::: DATASET EXTRACT :::

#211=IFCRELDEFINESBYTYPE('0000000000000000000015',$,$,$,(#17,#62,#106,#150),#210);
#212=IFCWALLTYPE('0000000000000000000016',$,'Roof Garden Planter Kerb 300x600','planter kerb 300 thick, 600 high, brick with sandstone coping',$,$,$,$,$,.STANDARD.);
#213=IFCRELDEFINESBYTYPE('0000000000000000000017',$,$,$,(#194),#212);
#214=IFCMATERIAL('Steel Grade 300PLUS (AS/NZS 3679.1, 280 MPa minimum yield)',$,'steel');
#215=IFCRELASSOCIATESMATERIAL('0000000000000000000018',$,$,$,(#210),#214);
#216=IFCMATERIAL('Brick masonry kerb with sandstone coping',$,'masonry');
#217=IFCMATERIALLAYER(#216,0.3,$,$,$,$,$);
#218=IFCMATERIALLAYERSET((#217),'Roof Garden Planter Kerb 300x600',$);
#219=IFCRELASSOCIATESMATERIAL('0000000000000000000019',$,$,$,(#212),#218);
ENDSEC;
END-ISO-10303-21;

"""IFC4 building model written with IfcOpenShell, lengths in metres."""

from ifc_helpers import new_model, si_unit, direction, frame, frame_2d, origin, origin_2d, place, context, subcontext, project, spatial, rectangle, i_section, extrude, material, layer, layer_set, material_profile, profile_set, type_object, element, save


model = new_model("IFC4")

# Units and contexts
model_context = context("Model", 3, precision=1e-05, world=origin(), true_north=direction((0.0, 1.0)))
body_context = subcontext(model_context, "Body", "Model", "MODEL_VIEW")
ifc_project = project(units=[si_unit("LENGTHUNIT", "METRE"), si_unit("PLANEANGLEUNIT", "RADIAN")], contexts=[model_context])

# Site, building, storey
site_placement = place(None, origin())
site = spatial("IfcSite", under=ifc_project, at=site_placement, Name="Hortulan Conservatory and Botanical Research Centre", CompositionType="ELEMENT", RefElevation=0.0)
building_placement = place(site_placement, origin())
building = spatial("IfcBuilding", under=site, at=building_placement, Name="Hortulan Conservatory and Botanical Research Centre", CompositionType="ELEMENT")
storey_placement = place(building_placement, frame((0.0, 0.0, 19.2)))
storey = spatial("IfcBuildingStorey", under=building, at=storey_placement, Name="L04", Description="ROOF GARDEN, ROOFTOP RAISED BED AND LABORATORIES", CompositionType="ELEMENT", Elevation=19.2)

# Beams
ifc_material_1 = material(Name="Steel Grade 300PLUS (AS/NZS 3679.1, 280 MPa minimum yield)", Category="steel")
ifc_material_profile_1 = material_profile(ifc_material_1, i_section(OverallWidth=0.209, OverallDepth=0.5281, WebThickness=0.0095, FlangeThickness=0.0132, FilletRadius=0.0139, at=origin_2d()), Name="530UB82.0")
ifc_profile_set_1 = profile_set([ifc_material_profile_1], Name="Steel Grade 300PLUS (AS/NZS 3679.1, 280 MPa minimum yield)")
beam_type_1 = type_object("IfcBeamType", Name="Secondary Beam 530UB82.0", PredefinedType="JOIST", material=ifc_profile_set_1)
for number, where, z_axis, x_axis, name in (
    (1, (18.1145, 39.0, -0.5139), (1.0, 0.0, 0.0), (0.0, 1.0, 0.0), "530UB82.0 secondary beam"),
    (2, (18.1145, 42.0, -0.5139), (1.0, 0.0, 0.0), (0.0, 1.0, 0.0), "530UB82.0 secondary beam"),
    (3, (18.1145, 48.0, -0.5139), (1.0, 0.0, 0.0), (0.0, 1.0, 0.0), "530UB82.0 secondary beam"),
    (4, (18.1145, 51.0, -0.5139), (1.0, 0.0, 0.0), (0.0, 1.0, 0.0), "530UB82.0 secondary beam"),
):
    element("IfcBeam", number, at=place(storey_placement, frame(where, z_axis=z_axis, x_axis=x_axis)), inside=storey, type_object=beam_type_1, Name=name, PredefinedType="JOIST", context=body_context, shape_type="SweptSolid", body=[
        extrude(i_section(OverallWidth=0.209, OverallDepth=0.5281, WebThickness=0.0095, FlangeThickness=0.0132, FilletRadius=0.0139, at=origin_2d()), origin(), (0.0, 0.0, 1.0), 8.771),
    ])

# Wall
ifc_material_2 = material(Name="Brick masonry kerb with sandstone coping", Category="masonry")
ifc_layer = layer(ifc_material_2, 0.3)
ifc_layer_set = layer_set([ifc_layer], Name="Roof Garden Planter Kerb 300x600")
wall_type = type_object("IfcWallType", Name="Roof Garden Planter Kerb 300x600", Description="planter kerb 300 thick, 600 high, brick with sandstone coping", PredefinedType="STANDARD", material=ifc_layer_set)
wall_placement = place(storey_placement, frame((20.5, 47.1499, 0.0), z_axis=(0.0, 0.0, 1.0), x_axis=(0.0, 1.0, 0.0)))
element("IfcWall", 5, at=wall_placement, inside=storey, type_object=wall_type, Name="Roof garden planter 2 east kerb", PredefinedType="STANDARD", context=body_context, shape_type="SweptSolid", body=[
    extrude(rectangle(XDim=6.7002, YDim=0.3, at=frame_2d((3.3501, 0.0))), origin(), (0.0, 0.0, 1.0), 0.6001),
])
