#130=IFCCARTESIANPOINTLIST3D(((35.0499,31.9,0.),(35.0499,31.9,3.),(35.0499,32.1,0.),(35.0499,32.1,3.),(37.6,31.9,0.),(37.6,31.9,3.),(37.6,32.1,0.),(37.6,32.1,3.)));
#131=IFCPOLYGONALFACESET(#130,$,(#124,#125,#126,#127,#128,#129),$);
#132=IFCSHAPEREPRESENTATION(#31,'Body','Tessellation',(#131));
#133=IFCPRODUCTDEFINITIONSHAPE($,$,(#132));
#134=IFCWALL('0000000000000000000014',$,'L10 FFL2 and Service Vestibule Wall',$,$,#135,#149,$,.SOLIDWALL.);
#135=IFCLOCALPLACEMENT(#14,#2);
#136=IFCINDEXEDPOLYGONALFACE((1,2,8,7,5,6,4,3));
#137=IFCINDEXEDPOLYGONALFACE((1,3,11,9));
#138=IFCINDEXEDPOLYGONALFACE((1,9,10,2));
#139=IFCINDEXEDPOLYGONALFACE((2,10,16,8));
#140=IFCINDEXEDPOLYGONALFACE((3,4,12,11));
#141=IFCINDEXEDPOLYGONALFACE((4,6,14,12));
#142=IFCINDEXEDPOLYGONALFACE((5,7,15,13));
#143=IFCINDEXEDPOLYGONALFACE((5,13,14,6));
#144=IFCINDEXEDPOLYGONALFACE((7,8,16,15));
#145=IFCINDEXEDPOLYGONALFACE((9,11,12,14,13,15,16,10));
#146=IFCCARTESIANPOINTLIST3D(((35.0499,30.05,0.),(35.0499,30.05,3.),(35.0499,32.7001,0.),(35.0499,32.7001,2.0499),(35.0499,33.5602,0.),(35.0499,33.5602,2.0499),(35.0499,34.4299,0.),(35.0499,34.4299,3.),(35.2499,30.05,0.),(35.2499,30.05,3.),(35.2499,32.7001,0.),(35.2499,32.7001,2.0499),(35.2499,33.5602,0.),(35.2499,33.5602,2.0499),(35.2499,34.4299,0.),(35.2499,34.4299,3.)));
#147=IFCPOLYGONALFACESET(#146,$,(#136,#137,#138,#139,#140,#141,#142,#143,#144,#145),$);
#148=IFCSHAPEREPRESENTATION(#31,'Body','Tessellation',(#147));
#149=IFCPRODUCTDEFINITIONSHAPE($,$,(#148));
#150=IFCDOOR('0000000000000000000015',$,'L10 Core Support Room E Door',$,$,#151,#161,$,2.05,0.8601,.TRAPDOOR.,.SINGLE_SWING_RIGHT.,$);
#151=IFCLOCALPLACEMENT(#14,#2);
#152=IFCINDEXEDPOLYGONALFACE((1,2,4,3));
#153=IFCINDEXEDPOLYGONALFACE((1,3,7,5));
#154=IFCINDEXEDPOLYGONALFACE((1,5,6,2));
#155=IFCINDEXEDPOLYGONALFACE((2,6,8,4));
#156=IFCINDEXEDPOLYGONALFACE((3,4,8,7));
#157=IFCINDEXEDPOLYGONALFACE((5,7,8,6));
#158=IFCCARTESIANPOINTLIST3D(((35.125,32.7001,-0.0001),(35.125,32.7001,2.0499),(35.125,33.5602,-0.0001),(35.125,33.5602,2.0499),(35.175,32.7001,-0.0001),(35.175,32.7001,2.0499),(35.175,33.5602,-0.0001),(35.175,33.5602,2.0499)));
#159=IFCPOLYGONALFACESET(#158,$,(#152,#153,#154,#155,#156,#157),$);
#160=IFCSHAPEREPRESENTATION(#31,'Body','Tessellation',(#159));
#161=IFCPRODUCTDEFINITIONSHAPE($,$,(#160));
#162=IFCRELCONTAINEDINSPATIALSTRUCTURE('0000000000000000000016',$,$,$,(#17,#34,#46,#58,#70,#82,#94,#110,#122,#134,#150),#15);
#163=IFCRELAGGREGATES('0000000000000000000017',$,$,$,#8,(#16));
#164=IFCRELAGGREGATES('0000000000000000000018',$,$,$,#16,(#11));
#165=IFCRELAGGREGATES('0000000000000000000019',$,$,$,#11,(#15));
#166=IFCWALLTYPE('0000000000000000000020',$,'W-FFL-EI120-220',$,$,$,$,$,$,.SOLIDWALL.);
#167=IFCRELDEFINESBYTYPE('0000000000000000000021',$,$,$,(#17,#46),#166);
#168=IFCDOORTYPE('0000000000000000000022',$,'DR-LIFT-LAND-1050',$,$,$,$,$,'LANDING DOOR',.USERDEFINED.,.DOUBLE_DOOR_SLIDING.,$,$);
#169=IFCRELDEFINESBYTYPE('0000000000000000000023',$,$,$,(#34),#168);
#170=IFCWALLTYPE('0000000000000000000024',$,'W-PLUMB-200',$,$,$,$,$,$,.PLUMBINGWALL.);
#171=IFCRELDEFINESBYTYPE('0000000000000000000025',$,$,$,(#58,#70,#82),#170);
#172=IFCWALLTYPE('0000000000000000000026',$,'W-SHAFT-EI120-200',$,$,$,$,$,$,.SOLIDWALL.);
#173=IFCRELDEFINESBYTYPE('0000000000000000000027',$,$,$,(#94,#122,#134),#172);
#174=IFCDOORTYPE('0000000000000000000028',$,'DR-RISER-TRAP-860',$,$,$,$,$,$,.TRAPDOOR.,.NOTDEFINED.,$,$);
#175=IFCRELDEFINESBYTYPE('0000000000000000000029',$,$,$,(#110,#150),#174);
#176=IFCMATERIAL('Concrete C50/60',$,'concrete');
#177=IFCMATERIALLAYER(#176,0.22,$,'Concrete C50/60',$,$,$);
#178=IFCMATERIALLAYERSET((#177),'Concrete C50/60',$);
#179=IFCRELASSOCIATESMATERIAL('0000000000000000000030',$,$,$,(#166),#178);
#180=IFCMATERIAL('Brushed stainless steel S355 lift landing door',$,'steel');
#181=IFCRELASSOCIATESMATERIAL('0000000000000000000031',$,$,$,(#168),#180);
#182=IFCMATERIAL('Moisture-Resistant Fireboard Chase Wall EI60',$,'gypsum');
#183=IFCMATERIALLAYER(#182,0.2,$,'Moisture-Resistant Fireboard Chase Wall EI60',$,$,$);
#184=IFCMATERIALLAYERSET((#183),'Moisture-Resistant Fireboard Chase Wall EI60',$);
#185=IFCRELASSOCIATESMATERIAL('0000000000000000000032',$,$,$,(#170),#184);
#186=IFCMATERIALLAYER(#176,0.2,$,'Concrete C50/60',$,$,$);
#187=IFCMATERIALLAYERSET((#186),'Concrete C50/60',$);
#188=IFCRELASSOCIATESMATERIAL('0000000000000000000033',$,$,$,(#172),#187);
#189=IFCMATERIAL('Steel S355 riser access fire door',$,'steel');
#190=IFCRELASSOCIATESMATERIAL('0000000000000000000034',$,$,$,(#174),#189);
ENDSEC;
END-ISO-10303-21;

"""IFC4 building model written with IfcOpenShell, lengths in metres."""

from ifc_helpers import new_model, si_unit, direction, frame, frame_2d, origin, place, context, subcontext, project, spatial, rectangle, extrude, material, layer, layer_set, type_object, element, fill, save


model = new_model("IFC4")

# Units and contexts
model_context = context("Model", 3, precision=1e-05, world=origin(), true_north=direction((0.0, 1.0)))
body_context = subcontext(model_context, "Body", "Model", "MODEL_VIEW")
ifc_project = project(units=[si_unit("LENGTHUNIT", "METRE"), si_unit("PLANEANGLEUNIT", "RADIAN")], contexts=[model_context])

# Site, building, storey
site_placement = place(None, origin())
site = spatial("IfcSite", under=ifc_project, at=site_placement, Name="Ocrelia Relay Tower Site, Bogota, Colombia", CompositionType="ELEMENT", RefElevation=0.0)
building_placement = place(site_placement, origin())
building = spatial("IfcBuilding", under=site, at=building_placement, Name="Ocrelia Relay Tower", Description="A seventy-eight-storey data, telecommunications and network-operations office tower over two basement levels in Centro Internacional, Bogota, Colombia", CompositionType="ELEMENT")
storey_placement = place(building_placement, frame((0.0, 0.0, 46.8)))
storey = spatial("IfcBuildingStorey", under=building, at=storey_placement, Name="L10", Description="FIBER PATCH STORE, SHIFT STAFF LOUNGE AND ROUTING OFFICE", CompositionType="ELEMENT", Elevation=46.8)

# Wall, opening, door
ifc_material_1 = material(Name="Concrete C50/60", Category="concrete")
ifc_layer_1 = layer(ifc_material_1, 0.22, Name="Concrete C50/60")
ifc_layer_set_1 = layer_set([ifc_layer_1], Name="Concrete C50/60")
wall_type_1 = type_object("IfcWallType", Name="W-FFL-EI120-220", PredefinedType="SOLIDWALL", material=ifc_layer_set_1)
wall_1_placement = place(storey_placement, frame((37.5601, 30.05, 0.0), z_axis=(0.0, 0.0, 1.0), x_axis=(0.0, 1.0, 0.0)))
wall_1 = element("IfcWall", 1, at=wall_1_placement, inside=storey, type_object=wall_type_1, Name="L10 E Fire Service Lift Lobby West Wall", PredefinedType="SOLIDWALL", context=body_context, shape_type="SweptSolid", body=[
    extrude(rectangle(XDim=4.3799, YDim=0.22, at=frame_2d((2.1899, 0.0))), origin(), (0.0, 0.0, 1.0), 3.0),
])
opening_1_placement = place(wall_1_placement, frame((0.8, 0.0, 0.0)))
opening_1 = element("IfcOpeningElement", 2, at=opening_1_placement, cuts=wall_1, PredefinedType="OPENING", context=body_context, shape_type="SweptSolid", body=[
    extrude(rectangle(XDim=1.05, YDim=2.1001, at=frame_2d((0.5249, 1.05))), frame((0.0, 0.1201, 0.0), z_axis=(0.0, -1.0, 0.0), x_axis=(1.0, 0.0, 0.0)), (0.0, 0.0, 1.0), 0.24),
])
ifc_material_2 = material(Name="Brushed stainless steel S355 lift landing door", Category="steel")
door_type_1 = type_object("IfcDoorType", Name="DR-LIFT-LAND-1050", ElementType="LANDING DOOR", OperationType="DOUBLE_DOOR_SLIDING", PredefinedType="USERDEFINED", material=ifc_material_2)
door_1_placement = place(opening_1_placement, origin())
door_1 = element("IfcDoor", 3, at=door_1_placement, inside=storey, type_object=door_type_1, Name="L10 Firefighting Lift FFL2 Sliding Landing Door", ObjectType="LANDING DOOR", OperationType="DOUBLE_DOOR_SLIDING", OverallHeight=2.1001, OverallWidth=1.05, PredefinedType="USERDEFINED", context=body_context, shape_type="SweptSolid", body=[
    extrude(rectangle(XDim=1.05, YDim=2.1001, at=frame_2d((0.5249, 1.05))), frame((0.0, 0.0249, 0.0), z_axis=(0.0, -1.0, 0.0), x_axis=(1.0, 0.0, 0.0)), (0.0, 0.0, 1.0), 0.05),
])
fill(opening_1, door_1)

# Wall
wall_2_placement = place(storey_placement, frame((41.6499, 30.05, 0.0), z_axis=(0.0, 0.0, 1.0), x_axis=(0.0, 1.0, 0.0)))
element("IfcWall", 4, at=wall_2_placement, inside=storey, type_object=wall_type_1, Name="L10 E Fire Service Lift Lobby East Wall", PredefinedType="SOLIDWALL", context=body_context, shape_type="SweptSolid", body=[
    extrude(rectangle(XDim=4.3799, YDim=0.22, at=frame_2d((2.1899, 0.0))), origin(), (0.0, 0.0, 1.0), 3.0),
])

:::

Find and copy each line of the data where "Botanical" is present.

• RESULT OF THE TASK
site = spatial("IfcSite", under=ifc_project, at=site_placement, Name="Hortulan Conservatory and Botanical Research Centre", CompositionType="ELEMENT", RefElevation=0.0)
building = spatial("IfcBuilding", under=site, at=building_placement, Name="Hortulan Conservatory and Botanical Research Centre", CompositionType="ELEMENT")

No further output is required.